> _Task goal_: Return, from the listing below, every line that includes "contexts".

> _Records shown_:
+-------+
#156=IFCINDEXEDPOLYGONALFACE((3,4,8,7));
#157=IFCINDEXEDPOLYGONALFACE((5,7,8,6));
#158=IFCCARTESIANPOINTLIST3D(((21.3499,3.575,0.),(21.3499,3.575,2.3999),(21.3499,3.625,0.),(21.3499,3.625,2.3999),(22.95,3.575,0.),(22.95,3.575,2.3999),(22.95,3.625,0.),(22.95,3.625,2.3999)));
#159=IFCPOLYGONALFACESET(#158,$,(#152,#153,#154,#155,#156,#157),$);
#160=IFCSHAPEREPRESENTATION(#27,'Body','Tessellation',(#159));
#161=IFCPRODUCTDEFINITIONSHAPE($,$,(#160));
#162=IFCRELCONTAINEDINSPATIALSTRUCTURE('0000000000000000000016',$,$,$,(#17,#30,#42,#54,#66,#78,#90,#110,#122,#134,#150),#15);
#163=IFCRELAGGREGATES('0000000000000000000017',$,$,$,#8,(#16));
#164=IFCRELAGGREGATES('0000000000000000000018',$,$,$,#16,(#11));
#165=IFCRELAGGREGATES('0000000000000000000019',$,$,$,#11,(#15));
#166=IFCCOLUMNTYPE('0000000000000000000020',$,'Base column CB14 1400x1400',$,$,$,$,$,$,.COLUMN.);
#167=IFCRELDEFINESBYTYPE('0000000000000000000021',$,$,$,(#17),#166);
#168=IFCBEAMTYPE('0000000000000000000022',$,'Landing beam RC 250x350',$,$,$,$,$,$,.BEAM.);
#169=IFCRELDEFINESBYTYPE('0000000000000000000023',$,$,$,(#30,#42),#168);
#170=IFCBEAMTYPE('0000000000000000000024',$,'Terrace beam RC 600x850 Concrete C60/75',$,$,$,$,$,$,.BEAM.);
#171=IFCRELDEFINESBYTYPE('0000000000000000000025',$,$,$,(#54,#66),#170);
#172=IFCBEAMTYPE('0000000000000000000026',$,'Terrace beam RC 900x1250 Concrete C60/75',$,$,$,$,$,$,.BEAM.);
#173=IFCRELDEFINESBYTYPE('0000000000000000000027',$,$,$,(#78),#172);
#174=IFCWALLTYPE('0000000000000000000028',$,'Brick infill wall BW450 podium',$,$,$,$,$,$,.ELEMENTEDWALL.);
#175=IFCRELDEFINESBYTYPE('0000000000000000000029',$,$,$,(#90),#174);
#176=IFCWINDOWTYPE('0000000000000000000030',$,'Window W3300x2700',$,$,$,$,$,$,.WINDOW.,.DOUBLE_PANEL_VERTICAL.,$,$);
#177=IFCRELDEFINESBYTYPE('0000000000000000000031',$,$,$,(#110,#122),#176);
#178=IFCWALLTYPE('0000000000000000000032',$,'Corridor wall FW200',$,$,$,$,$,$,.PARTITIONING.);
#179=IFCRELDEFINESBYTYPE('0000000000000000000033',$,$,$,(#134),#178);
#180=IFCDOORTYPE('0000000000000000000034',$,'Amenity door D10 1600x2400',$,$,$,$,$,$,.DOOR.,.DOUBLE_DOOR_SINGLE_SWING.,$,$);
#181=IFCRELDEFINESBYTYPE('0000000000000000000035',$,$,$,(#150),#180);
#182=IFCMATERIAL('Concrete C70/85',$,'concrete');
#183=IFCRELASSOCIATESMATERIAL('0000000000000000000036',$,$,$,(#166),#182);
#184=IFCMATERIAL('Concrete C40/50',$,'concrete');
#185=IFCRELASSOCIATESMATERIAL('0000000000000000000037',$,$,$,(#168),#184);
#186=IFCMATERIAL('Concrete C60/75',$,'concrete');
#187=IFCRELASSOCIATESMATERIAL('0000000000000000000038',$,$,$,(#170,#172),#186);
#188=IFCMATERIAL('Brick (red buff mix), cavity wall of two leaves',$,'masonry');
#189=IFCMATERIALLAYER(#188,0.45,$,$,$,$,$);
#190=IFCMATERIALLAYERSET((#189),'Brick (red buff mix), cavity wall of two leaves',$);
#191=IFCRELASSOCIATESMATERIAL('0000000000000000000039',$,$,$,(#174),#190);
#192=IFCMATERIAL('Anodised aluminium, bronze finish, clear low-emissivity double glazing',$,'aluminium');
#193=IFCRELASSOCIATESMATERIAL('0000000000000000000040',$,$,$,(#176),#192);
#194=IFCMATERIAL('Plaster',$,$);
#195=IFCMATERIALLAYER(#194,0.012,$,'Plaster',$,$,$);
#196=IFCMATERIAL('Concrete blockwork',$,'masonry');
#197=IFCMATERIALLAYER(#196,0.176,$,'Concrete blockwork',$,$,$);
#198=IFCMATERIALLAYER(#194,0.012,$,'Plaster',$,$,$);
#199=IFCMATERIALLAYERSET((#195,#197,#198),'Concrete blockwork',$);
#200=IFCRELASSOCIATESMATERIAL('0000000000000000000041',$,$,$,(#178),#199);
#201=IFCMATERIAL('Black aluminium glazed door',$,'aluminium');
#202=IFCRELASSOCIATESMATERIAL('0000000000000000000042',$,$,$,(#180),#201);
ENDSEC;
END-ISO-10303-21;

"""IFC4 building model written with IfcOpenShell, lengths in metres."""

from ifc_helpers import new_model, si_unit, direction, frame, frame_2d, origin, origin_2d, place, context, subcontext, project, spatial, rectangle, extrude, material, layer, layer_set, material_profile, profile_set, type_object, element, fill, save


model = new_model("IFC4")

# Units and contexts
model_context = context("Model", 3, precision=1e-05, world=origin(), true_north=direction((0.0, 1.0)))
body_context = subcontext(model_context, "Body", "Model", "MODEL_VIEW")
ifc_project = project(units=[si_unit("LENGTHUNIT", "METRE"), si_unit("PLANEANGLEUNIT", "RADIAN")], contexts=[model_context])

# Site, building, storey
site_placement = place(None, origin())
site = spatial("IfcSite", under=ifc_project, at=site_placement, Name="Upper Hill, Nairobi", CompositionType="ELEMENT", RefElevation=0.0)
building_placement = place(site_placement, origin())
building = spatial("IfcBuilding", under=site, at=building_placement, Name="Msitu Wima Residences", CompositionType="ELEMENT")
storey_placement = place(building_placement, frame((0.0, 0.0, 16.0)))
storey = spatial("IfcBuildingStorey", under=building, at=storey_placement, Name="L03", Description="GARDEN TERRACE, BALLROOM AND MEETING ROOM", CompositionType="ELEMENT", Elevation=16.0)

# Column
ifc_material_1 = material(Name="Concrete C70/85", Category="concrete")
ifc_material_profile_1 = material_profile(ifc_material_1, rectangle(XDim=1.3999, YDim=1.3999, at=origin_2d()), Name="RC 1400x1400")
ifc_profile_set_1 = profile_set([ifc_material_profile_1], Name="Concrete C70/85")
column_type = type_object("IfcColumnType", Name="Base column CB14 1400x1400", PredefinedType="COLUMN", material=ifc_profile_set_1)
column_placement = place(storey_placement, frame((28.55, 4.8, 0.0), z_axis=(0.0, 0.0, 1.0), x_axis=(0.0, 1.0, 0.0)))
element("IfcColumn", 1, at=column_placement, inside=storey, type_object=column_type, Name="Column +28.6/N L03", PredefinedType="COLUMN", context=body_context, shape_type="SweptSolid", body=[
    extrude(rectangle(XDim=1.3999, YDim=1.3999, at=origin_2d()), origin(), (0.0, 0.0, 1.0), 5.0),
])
+-------+
> _Exercise answer_:
# Units and contexts
ifc_project = project(units=[si_unit("LENGTHUNIT", "METRE"), si_unit("PLANEANGLEUNIT", "RADIAN")], contexts=[model_context])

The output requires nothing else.